— Data extracts —
<<<<
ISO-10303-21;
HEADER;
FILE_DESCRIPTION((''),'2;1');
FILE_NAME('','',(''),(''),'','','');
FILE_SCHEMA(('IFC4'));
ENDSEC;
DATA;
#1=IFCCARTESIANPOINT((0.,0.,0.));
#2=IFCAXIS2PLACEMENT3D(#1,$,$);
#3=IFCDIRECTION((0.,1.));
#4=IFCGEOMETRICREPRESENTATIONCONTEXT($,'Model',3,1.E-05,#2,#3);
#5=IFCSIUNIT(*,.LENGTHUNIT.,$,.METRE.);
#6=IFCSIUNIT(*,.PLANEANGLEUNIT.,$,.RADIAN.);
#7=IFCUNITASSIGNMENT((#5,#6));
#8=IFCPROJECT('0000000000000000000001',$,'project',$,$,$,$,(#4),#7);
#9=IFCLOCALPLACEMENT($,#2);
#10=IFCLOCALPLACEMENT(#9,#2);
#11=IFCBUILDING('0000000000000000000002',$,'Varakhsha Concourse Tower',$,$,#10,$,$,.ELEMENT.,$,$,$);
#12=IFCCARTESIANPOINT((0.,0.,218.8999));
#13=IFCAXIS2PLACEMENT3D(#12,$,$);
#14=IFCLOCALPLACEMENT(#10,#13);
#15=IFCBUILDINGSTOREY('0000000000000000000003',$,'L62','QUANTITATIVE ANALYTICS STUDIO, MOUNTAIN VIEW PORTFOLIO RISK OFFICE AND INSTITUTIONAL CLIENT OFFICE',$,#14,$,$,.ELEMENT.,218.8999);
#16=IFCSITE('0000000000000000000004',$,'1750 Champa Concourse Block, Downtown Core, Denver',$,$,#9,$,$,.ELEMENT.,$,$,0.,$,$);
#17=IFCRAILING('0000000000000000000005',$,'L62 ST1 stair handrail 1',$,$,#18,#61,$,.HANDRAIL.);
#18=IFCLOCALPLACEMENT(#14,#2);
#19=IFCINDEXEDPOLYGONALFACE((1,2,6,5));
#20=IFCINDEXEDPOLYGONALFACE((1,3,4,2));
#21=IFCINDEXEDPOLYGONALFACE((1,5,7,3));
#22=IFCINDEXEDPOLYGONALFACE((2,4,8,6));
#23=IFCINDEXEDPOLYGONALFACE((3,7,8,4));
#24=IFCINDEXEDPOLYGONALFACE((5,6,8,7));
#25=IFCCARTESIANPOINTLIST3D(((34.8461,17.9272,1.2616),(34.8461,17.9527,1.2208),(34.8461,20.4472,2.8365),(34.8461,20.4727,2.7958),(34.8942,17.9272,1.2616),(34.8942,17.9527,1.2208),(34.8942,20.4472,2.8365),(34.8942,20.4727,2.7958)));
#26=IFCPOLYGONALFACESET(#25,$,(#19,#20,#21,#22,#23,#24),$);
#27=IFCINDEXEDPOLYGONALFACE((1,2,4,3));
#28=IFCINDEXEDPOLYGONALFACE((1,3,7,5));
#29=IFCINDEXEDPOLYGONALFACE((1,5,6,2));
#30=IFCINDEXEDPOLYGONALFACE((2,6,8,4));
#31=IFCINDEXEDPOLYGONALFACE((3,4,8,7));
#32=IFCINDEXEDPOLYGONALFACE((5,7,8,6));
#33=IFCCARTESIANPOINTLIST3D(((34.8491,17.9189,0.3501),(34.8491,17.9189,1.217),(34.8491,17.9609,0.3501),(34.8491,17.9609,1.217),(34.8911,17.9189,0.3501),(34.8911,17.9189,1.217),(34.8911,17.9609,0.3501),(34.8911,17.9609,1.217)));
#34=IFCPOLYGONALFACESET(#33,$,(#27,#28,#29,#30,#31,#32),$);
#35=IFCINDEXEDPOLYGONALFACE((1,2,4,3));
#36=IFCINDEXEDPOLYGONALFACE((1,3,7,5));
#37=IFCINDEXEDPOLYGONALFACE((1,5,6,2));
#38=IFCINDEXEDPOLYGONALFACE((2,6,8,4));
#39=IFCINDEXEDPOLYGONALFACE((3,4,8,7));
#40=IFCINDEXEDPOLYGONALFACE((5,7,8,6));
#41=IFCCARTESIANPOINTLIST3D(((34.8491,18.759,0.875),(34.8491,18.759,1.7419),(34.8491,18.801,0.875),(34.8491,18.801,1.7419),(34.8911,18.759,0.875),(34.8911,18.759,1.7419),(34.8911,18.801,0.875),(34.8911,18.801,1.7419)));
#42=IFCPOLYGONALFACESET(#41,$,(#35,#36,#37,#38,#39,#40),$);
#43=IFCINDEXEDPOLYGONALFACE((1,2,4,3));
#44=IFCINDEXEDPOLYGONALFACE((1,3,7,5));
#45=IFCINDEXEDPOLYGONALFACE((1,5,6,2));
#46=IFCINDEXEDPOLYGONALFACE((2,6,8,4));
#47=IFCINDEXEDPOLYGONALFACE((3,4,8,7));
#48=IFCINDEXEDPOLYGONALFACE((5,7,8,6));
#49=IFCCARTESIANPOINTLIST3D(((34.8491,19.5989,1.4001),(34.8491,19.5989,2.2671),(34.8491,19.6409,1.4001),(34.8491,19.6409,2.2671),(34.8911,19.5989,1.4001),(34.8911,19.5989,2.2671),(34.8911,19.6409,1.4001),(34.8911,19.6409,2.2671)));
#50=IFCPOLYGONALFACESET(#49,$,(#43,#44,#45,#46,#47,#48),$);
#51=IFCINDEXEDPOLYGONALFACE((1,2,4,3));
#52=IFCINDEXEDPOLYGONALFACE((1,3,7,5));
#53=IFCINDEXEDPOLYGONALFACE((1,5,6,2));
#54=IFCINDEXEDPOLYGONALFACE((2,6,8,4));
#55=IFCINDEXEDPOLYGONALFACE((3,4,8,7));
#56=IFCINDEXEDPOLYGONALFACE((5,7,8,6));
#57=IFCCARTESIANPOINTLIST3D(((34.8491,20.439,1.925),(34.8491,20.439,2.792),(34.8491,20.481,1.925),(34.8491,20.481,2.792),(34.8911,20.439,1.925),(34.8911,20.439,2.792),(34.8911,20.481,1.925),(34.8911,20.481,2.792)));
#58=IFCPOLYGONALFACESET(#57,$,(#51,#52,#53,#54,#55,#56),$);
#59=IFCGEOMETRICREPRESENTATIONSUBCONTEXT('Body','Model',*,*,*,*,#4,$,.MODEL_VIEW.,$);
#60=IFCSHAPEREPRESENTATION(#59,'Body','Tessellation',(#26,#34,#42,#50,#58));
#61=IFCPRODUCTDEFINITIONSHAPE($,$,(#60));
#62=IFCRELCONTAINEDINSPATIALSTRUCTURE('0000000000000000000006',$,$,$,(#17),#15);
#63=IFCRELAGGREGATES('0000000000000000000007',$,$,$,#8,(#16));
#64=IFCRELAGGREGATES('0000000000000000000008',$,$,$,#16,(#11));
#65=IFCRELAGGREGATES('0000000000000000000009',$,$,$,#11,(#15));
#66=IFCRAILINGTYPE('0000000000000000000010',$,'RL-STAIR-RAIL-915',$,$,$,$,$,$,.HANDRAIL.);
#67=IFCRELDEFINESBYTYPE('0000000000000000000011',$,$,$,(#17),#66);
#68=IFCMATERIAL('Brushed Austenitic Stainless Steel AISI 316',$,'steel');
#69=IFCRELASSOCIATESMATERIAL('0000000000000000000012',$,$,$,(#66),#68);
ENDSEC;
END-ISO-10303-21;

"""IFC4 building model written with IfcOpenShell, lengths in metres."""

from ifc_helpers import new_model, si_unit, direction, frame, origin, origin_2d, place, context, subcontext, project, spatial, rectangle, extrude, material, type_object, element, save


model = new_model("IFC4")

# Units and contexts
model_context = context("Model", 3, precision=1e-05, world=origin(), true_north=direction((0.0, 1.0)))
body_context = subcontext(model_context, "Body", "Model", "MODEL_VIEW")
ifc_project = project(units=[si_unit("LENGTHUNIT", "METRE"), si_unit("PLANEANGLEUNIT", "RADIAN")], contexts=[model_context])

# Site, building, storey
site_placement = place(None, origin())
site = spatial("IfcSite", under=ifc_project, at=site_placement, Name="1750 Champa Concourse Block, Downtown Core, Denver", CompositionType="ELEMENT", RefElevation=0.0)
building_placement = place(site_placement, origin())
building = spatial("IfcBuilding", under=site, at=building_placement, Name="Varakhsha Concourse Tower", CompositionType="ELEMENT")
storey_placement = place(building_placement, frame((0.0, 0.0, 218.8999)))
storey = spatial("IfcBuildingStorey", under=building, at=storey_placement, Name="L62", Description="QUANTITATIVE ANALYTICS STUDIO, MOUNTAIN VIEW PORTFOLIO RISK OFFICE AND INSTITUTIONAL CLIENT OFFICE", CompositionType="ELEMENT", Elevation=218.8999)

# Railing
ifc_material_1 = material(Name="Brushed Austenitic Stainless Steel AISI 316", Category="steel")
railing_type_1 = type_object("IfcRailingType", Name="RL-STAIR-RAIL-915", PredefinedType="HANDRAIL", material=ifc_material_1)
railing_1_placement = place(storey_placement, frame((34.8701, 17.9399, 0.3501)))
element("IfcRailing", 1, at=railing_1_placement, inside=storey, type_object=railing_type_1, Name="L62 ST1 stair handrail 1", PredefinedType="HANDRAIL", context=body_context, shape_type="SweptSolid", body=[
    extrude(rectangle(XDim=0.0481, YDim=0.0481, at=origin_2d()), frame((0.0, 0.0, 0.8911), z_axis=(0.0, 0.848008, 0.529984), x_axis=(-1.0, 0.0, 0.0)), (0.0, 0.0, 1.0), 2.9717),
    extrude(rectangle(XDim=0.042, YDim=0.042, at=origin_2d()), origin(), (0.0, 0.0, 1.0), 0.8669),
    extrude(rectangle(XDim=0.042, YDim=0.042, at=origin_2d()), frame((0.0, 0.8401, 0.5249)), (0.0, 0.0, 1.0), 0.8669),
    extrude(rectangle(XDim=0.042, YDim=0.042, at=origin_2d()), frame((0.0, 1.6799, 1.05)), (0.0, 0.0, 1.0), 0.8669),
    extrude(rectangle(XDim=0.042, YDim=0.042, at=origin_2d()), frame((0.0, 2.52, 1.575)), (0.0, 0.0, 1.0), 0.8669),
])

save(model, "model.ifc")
>>>>
<<<<
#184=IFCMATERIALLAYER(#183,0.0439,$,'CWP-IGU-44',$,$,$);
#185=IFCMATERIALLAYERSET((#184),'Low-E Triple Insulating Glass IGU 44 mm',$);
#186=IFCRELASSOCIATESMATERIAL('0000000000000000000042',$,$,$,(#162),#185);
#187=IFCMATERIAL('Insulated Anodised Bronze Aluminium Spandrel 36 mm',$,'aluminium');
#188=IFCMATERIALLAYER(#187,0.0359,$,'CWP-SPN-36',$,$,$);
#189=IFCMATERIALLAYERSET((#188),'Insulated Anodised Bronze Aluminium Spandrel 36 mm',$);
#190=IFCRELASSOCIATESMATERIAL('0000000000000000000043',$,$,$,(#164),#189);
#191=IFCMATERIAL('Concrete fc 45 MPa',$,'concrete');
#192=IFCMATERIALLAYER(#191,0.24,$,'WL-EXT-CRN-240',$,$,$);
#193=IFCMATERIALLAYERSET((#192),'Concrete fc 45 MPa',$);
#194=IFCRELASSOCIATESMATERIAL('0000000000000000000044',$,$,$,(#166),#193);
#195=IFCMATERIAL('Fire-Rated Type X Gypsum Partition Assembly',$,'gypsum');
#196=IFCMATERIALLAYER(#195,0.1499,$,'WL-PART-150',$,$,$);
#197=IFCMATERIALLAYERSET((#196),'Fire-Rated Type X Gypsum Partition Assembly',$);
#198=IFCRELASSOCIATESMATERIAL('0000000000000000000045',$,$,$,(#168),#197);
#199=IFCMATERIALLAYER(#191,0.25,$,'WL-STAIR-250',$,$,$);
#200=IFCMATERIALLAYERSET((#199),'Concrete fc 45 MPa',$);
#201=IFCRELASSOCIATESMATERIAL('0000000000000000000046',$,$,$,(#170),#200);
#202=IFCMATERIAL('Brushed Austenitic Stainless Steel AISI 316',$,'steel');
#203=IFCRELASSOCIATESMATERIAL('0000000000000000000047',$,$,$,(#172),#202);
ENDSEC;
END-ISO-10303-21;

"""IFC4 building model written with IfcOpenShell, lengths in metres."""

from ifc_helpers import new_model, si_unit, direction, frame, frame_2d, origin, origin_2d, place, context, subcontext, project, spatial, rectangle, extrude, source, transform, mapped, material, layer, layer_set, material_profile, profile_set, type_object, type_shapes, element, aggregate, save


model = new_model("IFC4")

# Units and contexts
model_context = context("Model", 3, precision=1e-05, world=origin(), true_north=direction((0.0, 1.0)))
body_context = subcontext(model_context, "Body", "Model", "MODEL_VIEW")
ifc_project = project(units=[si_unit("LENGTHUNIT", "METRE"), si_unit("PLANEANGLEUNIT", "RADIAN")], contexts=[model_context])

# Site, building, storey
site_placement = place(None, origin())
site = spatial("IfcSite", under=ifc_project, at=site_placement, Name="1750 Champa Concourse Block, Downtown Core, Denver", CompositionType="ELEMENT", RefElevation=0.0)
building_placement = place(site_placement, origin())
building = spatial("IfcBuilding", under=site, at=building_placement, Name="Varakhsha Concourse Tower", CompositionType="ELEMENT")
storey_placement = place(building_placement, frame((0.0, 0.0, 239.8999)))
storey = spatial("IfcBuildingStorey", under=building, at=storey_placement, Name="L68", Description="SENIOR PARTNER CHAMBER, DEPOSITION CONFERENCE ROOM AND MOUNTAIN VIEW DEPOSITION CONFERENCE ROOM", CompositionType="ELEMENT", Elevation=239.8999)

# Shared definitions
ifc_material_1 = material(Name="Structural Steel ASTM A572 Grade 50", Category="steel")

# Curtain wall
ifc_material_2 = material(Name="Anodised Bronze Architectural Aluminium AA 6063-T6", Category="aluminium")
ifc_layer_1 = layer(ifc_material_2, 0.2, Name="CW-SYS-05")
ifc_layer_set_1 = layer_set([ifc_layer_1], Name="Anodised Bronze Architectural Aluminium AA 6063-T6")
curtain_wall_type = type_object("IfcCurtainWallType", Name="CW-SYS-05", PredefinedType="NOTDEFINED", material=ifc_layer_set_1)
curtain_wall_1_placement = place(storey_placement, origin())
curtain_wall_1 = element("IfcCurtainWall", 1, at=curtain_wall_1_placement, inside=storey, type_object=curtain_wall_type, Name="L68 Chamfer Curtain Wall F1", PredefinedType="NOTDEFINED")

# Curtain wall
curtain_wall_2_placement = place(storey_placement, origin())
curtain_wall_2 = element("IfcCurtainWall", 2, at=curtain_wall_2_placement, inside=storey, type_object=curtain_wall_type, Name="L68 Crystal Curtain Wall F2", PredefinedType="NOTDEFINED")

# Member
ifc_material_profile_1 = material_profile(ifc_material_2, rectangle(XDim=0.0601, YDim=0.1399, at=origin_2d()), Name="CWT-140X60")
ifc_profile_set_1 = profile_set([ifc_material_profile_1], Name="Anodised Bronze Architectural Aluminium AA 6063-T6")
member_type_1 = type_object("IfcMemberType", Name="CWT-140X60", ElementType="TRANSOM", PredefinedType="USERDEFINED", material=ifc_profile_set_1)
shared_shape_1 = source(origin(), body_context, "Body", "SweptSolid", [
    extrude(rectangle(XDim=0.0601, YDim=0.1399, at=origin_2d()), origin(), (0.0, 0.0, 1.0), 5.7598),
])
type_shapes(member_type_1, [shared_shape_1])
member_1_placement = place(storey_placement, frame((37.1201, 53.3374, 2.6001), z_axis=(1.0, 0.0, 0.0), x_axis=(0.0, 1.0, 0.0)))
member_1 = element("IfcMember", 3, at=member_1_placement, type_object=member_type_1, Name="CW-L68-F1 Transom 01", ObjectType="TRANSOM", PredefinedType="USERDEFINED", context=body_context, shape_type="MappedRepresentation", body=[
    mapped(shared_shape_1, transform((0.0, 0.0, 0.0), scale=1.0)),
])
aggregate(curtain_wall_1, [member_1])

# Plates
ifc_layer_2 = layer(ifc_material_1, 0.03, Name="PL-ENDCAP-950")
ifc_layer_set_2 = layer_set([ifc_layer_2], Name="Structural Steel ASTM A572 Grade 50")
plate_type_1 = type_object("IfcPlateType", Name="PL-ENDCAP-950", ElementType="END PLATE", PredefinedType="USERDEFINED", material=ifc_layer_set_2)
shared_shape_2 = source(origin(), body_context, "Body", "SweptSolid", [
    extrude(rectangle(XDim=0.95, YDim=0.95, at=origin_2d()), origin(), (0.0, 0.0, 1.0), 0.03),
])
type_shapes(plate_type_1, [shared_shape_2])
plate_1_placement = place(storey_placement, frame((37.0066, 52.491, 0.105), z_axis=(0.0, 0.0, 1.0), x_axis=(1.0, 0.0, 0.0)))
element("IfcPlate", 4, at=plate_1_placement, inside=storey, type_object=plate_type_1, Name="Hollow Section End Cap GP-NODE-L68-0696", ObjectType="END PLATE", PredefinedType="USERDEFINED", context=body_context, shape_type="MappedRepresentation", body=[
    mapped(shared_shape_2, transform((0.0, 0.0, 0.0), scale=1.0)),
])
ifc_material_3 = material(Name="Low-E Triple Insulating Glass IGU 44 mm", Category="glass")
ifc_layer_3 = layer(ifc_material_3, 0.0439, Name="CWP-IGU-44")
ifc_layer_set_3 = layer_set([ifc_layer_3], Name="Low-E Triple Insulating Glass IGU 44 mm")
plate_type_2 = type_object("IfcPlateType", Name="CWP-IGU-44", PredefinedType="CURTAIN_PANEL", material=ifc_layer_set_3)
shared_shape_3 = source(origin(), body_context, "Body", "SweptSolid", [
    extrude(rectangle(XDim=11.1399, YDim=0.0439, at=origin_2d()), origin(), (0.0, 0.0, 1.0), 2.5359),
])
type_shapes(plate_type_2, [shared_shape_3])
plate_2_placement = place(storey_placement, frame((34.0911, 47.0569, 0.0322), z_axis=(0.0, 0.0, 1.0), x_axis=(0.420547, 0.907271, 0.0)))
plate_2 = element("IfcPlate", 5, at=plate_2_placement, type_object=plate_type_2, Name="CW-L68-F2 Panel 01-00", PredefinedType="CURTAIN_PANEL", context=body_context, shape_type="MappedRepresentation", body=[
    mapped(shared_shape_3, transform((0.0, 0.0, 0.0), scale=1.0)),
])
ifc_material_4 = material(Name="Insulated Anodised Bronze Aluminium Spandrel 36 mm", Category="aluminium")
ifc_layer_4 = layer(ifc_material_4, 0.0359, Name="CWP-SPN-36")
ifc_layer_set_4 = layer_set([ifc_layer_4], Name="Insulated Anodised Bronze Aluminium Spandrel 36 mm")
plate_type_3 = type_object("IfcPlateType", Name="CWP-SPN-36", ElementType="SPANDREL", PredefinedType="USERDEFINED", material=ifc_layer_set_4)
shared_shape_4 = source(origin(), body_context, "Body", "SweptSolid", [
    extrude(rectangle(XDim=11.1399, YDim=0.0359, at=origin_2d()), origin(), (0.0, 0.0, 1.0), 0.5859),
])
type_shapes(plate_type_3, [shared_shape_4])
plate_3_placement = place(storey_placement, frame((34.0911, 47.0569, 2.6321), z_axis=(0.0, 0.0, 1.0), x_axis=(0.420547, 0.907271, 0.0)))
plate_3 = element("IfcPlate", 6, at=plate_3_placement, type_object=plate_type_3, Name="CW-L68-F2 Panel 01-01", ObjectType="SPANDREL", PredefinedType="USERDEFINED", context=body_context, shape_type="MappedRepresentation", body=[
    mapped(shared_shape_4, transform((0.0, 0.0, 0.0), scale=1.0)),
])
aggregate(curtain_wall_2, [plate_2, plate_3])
>>>>
<<<<
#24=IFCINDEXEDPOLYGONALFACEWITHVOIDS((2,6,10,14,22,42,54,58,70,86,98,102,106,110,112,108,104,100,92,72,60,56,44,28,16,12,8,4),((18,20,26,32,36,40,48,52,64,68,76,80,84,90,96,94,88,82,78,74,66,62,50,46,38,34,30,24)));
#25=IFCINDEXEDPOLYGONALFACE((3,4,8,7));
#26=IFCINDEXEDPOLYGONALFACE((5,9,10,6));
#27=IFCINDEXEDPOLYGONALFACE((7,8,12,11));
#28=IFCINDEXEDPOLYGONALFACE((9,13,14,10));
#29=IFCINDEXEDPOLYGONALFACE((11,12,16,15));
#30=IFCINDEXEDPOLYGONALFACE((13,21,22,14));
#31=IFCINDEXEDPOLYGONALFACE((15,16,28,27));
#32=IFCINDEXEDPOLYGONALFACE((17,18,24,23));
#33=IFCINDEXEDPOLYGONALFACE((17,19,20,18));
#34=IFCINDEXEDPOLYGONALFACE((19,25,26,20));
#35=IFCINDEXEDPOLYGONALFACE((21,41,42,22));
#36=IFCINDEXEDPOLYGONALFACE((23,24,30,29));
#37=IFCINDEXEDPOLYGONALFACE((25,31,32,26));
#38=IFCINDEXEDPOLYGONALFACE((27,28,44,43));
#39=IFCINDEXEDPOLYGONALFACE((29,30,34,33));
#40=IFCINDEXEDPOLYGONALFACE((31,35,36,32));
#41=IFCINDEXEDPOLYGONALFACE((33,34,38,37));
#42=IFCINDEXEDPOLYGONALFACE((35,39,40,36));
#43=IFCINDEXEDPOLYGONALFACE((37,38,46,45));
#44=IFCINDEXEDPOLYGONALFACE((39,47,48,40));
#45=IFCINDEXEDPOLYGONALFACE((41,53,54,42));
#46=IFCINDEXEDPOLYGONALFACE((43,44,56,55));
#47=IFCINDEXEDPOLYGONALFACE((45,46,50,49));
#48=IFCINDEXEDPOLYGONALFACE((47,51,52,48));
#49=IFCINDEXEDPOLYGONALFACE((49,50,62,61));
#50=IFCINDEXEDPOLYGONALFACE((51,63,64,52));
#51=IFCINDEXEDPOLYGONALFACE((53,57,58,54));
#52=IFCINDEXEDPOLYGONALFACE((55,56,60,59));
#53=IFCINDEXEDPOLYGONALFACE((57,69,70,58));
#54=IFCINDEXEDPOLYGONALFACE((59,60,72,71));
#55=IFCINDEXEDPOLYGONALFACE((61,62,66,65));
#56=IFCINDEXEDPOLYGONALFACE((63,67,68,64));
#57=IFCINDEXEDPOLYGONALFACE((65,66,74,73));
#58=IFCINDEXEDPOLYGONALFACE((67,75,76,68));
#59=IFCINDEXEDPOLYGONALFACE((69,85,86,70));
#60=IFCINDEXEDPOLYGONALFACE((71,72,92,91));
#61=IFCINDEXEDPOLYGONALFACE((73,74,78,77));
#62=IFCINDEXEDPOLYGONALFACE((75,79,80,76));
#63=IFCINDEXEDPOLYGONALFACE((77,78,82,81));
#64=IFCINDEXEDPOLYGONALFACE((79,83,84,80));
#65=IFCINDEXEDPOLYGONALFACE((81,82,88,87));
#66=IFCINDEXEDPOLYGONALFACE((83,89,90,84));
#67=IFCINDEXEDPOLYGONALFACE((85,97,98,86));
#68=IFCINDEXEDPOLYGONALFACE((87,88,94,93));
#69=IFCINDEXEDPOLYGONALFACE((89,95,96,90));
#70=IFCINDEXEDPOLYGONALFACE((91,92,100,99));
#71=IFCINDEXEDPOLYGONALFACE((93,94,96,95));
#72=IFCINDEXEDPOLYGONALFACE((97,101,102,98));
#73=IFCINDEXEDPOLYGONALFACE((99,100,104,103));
>>>>
— What the task requires —
Only the lines with the string "Triple" are wanted; pick them out of the records above and copy them.

— Solution below —
#185=IFCMATERIALLAYERSET((#184),'Low-E Triple Insulating Glass IGU 44 mm',$);
ifc_material_3 = material(Name="Low-E Triple Insulating Glass IGU 44 mm", Category="glass")
ifc_layer_set_3 = layer_set([ifc_layer_3], Name="Low-E Triple Insulating Glass IGU 44 mm")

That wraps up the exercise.